TASK TO COMPLETE: Below are the entries; determine how many of their lines contain the string "studs" and give that figure alone.

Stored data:
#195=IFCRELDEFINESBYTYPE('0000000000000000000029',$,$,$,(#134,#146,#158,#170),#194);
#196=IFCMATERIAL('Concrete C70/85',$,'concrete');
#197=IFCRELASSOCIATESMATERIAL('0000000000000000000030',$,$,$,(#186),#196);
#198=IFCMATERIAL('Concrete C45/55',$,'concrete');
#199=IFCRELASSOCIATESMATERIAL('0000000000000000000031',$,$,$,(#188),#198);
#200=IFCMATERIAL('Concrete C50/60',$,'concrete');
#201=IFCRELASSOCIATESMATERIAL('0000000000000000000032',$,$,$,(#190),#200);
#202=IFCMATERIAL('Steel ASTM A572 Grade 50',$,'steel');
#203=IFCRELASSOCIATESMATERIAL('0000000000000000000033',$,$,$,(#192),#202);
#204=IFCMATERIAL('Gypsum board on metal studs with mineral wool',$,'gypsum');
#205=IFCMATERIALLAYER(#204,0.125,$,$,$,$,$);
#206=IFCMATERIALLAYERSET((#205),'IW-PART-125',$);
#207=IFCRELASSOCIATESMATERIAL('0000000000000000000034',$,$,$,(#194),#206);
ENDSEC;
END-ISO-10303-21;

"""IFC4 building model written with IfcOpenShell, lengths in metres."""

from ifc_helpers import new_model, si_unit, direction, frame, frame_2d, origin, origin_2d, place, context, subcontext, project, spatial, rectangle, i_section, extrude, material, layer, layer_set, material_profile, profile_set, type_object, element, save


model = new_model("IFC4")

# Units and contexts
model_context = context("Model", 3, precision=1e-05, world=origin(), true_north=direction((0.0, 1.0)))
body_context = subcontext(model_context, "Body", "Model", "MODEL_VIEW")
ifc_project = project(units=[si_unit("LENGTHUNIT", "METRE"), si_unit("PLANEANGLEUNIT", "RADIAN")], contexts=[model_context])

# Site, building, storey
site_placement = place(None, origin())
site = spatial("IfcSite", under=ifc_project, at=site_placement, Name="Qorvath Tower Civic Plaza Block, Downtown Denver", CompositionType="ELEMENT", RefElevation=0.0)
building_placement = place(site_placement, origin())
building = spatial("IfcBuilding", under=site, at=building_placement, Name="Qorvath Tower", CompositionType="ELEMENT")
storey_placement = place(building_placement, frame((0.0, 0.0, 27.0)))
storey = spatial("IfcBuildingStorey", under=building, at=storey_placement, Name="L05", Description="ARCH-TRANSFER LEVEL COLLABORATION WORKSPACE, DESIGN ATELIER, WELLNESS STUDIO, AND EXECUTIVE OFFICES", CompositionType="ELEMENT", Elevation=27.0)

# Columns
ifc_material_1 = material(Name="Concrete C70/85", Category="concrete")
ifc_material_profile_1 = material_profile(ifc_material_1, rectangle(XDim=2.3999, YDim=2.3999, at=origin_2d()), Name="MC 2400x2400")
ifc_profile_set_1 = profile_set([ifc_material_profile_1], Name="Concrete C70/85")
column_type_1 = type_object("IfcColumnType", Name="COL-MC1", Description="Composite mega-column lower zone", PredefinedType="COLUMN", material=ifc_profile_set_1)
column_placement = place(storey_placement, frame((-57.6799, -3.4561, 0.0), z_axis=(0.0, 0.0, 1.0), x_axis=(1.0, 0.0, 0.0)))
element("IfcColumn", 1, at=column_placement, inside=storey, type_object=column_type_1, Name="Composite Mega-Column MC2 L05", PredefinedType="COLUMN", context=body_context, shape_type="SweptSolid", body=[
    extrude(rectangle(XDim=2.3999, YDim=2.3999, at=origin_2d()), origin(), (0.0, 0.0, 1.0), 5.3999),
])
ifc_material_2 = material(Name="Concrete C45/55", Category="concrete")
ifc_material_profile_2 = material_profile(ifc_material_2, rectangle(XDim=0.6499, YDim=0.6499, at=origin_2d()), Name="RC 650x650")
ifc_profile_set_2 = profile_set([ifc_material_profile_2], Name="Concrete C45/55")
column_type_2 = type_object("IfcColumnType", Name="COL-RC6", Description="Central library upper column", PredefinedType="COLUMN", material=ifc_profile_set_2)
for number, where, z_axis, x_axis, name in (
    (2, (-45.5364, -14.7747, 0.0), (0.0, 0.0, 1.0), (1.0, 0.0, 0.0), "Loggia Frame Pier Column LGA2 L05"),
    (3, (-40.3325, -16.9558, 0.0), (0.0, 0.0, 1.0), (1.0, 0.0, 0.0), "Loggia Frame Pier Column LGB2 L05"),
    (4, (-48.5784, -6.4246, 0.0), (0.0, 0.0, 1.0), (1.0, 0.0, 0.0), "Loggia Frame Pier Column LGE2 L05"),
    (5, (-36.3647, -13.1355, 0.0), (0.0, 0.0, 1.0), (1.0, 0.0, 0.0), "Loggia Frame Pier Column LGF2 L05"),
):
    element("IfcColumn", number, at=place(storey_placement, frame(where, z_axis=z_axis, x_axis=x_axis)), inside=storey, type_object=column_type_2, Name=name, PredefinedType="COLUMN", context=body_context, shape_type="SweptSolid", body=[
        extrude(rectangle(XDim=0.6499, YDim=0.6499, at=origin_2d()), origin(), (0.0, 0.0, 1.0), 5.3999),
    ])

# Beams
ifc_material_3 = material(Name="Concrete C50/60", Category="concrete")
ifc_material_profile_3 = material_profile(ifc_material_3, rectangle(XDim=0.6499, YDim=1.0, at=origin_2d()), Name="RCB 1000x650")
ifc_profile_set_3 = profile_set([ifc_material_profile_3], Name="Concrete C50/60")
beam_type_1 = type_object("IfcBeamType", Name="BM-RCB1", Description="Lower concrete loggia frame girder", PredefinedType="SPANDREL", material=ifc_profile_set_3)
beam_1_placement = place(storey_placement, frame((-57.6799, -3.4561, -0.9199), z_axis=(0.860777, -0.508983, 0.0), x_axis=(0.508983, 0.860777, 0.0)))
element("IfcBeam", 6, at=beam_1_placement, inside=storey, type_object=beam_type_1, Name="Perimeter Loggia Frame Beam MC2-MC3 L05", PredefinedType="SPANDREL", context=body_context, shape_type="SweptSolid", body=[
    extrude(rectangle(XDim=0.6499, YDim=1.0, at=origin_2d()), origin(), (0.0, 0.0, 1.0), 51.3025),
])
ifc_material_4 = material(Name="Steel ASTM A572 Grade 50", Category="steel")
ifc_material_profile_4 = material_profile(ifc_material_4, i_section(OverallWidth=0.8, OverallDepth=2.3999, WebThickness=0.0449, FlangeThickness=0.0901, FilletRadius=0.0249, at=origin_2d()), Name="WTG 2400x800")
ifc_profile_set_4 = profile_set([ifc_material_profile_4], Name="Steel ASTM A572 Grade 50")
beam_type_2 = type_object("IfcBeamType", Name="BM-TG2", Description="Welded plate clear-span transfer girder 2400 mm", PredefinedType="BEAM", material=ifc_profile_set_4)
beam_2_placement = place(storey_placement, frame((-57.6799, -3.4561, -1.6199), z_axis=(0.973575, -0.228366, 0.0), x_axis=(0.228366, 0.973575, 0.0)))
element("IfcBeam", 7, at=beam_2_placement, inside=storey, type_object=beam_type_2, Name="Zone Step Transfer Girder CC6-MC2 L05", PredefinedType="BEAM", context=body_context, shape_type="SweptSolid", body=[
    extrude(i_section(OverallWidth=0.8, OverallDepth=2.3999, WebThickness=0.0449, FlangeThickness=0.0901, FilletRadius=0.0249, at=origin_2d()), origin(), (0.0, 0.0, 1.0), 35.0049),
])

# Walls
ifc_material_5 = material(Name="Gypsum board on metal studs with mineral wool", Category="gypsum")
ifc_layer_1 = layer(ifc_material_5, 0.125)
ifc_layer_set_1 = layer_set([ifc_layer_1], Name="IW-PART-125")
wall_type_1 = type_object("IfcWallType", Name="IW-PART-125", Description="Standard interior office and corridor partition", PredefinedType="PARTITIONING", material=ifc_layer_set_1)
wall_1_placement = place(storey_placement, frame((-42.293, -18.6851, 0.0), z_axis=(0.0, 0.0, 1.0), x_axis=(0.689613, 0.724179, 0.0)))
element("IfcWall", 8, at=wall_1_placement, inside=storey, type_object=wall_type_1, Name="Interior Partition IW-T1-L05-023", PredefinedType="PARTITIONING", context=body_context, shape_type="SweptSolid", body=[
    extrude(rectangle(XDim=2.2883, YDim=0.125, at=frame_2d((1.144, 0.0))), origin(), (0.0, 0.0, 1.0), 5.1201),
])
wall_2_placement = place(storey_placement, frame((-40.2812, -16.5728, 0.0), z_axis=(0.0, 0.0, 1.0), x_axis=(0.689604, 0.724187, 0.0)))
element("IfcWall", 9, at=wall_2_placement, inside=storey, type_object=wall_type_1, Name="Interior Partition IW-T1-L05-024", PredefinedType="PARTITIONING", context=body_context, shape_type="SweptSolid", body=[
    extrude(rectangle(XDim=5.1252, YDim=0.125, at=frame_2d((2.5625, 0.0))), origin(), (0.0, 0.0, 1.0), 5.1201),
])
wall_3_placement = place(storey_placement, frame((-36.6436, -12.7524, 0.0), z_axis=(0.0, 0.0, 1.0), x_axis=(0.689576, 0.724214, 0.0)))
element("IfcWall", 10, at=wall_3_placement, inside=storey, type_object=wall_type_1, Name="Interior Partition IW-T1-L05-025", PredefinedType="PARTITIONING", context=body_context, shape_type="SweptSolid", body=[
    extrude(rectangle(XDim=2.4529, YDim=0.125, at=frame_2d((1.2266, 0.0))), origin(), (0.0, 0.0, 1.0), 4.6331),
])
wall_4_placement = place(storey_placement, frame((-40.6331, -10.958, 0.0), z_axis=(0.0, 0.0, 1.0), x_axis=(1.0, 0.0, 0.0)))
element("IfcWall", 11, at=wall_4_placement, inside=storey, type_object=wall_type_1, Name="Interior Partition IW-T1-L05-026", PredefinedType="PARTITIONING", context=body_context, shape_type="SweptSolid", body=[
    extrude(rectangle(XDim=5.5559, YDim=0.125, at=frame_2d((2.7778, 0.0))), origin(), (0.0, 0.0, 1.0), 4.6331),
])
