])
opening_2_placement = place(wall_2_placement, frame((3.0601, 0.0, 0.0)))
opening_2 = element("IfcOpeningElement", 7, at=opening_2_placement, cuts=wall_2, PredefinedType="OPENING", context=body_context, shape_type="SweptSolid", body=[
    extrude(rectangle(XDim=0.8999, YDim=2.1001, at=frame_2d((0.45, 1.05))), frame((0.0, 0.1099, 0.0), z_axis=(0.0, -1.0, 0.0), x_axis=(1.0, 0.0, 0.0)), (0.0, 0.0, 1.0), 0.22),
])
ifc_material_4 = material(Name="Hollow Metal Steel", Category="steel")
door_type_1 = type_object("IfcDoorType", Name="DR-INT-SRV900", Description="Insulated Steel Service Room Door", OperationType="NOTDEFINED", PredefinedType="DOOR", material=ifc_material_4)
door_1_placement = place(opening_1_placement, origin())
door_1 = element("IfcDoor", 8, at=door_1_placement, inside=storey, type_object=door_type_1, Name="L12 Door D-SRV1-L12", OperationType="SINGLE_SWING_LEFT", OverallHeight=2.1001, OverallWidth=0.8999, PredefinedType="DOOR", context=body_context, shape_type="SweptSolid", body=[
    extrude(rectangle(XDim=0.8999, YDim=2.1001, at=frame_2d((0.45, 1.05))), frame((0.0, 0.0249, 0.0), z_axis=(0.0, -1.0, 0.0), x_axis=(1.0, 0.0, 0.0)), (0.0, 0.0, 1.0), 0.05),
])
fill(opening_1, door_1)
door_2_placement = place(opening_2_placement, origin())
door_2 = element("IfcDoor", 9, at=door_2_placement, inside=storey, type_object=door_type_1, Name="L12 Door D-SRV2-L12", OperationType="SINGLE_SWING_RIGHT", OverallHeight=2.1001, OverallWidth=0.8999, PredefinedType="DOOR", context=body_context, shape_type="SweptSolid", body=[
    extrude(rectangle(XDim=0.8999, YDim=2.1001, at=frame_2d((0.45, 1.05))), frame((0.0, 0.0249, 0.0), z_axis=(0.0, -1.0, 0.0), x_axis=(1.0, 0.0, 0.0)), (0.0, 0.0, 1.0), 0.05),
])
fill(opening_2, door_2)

RESPONSE BELOW: 2